------ Provided material

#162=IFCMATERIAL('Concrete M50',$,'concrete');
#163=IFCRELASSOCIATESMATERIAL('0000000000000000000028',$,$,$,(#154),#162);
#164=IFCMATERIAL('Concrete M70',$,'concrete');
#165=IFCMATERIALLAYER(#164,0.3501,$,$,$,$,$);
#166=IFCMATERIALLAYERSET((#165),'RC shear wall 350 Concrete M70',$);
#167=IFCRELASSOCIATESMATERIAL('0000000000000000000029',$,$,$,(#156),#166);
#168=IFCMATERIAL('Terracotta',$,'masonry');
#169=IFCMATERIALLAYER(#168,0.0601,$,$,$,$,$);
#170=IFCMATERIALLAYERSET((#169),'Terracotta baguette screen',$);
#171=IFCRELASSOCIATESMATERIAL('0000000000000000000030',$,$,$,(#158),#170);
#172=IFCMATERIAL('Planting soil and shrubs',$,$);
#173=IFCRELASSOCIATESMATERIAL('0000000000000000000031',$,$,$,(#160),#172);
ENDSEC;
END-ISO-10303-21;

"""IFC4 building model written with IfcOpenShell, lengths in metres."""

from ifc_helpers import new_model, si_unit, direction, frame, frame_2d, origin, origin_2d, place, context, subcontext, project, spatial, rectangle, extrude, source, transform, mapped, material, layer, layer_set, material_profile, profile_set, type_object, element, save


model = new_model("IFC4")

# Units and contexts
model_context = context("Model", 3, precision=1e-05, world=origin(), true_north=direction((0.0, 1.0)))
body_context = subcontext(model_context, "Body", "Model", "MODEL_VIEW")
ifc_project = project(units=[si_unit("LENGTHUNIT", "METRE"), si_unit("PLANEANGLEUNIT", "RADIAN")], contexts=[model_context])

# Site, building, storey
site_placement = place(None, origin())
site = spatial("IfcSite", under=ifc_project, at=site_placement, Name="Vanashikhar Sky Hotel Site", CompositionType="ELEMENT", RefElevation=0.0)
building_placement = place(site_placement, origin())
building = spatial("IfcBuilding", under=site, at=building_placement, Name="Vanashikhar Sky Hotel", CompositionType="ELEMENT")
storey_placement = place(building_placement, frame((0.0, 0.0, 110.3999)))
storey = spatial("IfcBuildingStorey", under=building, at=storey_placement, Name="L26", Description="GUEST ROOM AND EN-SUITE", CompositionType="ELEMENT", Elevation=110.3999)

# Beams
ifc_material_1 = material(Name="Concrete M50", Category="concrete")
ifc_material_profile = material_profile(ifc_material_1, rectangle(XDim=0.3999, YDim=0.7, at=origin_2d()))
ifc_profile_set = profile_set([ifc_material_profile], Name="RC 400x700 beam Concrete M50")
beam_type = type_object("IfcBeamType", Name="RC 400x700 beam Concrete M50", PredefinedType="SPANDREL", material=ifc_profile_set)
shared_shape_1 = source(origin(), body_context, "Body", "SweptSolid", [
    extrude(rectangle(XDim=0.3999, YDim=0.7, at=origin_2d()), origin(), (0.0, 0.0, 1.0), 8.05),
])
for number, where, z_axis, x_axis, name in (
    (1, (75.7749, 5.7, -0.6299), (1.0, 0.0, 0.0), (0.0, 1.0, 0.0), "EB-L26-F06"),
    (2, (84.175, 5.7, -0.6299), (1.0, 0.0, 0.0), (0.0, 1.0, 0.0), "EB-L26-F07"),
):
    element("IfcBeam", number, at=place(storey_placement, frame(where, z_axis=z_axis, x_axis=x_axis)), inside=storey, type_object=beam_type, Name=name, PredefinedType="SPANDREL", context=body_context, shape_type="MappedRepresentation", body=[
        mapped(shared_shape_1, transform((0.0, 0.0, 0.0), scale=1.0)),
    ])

------------

▸ Aim of the task
Precisely reproduce all the entries shown above.

▸ Task solution
#162=IFCMATERIAL('Concrete M50',$,'concrete');
#163=IFCRELASSOCIATESMATERIAL('0000000000000000000028',$,$,$,(#154),#162);
#164=IFCMATERIAL('Concrete M70',$,'concrete');
#165=IFCMATERIALLAYER(#164,0.3501,$,$,$,$,$);
#166=IFCMATERIALLAYERSET((#165),'RC shear wall 350 Concrete M70',$);
#167=IFCRELASSOCIATESMATERIAL('0000000000000000000029',$,$,$,(#156),#166);
#168=IFCMATERIAL('Terracotta',$,'masonry');
#169=IFCMATERIALLAYER(#168,0.0601,$,$,$,$,$);
#170=IFCMATERIALLAYERSET((#169),'Terracotta baguette screen',$);
#171=IFCRELASSOCIATESMATERIAL('0000000000000000000030',$,$,$,(#158),#170);
#172=IFCMATERIAL('Planting soil and shrubs',$,$);
#173=IFCRELASSOCIATESMATERIAL('0000000000000000000031',$,$,$,(#160),#172);
ENDSEC;
END-ISO-10303-21;

"""IFC4 building model written with IfcOpenShell, lengths in metres."""

from ifc_helpers import new_model, si_unit, direction, frame, frame_2d, origin, origin_2d, place, context, subcontext, project, spatial, rectangle, extrude, source, transform, mapped, material, layer, layer_set, material_profile, profile_set, type_object, element, save


model = new_model("IFC4")

# Units and contexts
model_context = context("Model", 3, precision=1e-05, world=origin(), true_north=direction((0.0, 1.0)))
body_context = subcontext(model_context, "Body", "Model", "MODEL_VIEW")
ifc_project = project(units=[si_unit("LENGTHUNIT", "METRE"), si_unit("PLANEANGLEUNIT", "RADIAN")], contexts=[model_context])

# Site, building, storey
site_placement = place(None, origin())
site = spatial("IfcSite", under=ifc_project, at=site_placement, Name="Vanashikhar Sky Hotel Site", CompositionType="ELEMENT", RefElevation=0.0)
building_placement = place(site_placement, origin())
building = spatial("IfcBuilding", under=site, at=building_placement, Name="Vanashikhar Sky Hotel", CompositionType="ELEMENT")
storey_placement = place(building_placement, frame((0.0, 0.0, 110.3999)))
storey = spatial("IfcBuildingStorey", under=building, at=storey_placement, Name="L26", Description="GUEST ROOM AND EN-SUITE", CompositionType="ELEMENT", Elevation=110.3999)

# Beams
ifc_material_1 = material(Name="Concrete M50", Category="concrete")
ifc_material_profile = material_profile(ifc_material_1, rectangle(XDim=0.3999, YDim=0.7, at=origin_2d()))
ifc_profile_set = profile_set([ifc_material_profile], Name="RC 400x700 beam Concrete M50")
beam_type = type_object("IfcBeamType", Name="RC 400x700 beam Concrete M50", PredefinedType="SPANDREL", material=ifc_profile_set)
shared_shape_1 = source(origin(), body_context, "Body", "SweptSolid", [
    extrude(rectangle(XDim=0.3999, YDim=0.7, at=origin_2d()), origin(), (0.0, 0.0, 1.0), 8.05),
])
for number, where, z_axis, x_axis, name in (
    (1, (75.7749, 5.7, -0.6299), (1.0, 0.0, 0.0), (0.0, 1.0, 0.0), "EB-L26-F06"),
    (2, (84.175, 5.7, -0.6299), (1.0, 0.0, 0.0), (0.0, 1.0, 0.0), "EB-L26-F07"),
):
    element("IfcBeam", number, at=place(storey_placement, frame(where, z_axis=z_axis, x_axis=x_axis)), inside=storey, type_object=beam_type, Name=name, PredefinedType="SPANDREL", context=body_context, shape_type="MappedRepresentation", body=[
        mapped(shared_shape_1, transform((0.0, 0.0, 0.0), scale=1.0)),
    ])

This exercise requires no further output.